>>>>>

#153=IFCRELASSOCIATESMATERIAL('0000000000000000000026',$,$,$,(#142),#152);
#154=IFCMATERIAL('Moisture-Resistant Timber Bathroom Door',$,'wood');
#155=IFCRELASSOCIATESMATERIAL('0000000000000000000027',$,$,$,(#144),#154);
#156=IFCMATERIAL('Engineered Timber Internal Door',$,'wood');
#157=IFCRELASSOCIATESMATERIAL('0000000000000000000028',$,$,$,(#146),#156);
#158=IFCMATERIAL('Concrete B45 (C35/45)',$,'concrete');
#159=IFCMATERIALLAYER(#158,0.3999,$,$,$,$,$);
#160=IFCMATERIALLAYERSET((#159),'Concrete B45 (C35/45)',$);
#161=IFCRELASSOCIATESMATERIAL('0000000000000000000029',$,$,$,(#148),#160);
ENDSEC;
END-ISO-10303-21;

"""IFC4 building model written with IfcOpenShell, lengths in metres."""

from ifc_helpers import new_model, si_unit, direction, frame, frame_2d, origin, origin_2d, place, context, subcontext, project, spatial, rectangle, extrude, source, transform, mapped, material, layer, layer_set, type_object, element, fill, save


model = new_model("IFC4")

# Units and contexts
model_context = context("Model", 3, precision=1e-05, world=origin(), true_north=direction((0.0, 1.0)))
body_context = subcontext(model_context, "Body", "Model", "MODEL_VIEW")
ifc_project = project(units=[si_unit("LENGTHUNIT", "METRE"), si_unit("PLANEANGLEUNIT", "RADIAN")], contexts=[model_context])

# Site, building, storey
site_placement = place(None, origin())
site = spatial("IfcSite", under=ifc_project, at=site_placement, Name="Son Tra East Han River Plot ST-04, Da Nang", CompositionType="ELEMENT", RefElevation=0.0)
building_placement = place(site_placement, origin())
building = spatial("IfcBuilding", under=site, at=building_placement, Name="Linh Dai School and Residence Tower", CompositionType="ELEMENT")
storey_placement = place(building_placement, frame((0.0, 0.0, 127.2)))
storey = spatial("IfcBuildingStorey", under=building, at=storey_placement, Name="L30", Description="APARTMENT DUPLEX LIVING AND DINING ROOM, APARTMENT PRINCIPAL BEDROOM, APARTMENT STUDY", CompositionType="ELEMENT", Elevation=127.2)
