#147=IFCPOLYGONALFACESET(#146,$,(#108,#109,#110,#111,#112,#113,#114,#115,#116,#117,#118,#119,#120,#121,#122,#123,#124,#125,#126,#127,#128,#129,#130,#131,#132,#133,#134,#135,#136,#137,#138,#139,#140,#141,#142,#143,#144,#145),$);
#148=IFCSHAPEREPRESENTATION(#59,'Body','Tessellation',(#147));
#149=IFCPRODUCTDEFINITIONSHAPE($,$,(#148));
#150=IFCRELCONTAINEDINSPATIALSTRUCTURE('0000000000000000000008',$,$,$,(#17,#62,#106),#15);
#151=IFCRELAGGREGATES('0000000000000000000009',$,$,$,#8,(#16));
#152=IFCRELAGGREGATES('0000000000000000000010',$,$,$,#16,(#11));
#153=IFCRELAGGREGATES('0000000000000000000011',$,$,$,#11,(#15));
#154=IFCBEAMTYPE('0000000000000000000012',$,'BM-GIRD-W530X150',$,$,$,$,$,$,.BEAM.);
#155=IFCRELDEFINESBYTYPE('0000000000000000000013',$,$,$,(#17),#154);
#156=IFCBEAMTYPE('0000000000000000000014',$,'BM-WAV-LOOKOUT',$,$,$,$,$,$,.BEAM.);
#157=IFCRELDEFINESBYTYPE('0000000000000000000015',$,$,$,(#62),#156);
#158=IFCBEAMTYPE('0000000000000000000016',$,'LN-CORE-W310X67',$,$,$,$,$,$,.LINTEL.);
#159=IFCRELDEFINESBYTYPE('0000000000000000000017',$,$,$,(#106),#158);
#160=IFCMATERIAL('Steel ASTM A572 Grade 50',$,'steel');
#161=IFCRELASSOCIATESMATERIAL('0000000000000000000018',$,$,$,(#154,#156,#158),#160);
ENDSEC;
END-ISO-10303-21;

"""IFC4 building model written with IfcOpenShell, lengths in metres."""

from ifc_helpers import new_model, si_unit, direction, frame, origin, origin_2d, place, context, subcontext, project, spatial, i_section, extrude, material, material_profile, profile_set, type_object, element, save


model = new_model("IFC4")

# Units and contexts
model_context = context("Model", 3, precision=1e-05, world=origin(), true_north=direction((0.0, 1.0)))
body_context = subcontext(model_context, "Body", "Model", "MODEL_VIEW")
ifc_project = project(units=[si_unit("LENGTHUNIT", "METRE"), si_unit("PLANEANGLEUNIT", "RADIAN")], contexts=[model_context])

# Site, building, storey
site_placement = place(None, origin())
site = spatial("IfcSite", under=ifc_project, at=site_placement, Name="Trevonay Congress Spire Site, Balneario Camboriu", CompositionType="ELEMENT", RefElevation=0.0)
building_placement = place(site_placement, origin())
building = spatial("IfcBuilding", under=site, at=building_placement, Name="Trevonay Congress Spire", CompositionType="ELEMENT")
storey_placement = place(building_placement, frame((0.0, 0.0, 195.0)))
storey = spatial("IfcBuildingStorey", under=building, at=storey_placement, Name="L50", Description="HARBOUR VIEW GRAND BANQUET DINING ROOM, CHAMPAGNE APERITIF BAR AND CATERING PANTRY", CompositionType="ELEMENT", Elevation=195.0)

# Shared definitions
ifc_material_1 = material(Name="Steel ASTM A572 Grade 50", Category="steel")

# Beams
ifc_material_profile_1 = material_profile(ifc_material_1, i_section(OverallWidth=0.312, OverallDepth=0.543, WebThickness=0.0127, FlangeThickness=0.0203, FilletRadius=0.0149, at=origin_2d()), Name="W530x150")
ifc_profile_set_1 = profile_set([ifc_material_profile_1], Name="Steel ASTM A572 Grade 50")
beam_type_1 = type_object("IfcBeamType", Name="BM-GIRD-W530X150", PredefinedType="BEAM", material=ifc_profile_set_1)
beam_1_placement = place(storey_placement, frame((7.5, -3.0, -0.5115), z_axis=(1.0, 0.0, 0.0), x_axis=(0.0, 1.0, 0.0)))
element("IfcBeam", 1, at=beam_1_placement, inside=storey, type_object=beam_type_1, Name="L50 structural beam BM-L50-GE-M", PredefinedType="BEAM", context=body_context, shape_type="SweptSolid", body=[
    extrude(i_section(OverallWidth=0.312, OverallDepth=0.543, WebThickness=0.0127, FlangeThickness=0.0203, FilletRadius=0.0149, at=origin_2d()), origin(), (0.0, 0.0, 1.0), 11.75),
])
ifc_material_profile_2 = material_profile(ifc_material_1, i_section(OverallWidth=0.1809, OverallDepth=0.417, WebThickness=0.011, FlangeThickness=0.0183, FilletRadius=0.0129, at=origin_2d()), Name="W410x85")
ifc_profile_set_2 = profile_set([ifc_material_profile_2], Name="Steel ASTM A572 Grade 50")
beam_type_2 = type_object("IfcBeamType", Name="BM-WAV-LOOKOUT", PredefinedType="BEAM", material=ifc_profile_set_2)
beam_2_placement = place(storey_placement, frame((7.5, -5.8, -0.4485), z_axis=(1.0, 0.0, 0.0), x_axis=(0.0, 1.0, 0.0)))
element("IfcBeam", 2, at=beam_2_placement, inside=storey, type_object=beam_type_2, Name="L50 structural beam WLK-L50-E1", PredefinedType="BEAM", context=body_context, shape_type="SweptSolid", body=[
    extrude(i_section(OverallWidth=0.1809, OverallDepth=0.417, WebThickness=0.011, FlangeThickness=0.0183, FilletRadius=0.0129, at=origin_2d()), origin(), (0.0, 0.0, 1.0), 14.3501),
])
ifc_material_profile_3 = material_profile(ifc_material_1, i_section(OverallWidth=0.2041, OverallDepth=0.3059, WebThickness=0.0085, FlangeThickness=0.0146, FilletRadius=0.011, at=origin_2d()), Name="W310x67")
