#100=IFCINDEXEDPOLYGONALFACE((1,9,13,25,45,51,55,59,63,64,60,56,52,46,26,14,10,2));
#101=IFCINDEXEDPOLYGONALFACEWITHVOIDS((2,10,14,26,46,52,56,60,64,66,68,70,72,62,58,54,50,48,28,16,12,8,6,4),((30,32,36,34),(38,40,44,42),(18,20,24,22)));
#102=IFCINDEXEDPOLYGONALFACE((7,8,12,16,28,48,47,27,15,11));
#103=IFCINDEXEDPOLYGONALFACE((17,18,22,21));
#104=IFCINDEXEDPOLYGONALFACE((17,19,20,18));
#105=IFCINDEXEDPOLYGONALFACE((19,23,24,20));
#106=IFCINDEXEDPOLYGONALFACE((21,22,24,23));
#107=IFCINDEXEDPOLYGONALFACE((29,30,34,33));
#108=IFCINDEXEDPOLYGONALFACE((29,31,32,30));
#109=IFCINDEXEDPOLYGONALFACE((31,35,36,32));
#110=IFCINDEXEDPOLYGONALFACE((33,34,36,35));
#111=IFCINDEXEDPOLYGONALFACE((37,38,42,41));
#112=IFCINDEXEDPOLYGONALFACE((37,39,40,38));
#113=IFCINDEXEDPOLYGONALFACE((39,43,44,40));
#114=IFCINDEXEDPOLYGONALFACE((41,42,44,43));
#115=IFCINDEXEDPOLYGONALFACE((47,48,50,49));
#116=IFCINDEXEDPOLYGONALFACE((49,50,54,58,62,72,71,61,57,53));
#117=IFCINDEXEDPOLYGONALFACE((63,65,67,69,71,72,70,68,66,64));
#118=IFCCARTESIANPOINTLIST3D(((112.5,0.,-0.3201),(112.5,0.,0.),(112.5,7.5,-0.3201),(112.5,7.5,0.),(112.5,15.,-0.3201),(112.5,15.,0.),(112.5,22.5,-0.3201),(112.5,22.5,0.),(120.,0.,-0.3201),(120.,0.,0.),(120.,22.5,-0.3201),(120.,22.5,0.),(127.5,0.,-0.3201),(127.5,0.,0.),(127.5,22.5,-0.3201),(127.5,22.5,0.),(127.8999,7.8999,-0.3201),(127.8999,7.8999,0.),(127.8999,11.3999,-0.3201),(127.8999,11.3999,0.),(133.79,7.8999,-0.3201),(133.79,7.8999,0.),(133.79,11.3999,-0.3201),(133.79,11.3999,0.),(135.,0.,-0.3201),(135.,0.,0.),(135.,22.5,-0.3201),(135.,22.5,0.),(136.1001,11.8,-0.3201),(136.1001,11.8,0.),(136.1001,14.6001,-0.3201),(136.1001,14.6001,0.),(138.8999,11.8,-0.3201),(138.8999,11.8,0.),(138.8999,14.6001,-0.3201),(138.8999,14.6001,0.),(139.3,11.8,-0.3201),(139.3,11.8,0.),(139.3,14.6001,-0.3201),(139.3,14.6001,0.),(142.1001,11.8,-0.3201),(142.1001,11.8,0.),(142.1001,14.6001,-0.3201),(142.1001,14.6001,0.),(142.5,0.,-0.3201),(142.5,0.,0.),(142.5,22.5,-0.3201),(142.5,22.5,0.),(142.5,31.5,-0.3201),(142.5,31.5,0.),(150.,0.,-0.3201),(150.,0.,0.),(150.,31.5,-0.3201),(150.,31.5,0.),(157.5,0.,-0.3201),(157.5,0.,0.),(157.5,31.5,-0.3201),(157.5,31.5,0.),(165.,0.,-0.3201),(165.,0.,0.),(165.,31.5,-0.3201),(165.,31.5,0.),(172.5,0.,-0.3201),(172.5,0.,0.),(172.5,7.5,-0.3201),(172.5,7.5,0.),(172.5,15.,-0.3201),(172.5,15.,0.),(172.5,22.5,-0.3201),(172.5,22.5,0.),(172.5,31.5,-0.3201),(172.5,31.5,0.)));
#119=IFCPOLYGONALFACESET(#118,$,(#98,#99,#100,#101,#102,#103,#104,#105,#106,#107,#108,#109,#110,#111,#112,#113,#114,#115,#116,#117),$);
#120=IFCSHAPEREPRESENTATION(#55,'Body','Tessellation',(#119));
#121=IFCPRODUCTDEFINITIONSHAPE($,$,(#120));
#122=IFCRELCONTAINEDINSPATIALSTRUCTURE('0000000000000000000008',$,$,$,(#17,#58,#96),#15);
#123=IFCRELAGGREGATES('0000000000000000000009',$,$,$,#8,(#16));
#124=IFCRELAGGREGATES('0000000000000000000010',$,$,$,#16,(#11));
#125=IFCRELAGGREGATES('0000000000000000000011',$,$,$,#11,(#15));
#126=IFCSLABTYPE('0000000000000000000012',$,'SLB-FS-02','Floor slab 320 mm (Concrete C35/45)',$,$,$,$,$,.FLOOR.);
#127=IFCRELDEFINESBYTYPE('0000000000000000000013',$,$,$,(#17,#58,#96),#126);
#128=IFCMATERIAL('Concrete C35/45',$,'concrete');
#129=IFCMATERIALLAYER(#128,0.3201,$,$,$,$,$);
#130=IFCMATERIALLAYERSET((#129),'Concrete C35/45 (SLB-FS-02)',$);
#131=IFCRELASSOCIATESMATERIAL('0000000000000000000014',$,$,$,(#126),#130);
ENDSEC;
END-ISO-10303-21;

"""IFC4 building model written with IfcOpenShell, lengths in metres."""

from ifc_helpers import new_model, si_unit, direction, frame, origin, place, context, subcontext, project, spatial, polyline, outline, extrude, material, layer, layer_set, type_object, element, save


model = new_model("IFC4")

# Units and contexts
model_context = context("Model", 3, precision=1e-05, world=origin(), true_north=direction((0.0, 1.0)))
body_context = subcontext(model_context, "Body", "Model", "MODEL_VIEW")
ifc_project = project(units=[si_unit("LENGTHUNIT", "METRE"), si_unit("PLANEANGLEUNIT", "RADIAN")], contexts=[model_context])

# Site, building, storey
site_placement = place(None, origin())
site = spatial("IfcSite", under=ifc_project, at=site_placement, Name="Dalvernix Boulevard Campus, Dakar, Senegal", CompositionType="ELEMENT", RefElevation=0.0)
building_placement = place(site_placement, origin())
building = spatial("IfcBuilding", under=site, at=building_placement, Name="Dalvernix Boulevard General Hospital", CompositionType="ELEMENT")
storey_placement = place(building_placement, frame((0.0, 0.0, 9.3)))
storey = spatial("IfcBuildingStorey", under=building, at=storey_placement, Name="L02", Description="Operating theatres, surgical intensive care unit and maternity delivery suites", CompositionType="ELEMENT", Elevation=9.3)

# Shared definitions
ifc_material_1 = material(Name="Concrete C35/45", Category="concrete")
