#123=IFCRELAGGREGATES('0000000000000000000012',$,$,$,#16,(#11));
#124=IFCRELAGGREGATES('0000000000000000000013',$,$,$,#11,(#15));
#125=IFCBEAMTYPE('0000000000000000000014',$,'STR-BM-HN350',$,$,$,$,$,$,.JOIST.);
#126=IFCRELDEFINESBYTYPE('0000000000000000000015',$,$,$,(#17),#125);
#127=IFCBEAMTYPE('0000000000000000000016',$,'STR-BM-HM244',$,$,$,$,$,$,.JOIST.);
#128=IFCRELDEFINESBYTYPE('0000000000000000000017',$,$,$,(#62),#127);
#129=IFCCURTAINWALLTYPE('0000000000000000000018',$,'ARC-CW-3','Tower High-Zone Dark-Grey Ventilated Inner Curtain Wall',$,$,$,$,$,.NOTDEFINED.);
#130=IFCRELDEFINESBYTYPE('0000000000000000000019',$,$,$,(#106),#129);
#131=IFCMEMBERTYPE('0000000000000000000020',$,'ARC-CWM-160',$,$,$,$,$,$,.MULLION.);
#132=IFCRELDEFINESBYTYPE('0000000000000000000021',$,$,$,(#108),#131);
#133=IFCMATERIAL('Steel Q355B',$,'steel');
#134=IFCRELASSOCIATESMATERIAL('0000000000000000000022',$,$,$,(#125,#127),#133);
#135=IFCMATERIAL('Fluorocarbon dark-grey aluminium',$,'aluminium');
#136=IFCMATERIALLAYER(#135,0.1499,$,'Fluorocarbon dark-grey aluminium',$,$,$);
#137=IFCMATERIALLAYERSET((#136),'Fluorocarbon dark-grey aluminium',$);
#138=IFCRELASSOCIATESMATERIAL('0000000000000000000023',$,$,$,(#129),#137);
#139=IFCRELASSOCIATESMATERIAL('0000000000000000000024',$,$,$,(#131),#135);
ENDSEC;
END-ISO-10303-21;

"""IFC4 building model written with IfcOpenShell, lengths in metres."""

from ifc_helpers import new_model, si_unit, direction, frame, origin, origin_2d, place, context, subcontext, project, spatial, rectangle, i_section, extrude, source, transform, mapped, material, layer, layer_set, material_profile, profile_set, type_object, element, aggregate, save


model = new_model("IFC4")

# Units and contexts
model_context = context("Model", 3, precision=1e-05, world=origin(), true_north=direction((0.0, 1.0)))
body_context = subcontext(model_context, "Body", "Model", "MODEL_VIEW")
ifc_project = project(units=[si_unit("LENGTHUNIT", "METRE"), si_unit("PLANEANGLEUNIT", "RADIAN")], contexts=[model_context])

<<<<<

▶ [INSTRUCTIONS FOR THE TASK]:
In the records above, find each line that mentions the word "Trevonay", and copy it.

▶ [ANSWER BOX]:
site = spatial("IfcSite", under=ifc_project, at=site_placement, Name="Trevonay Congress Spire Site, Balneario Camboriu", CompositionType="ELEMENT", RefElevation=0.0)
building = spatial("IfcBuilding", under=site, at=building_placement, Name="Trevonay Congress Spire", CompositionType="ELEMENT")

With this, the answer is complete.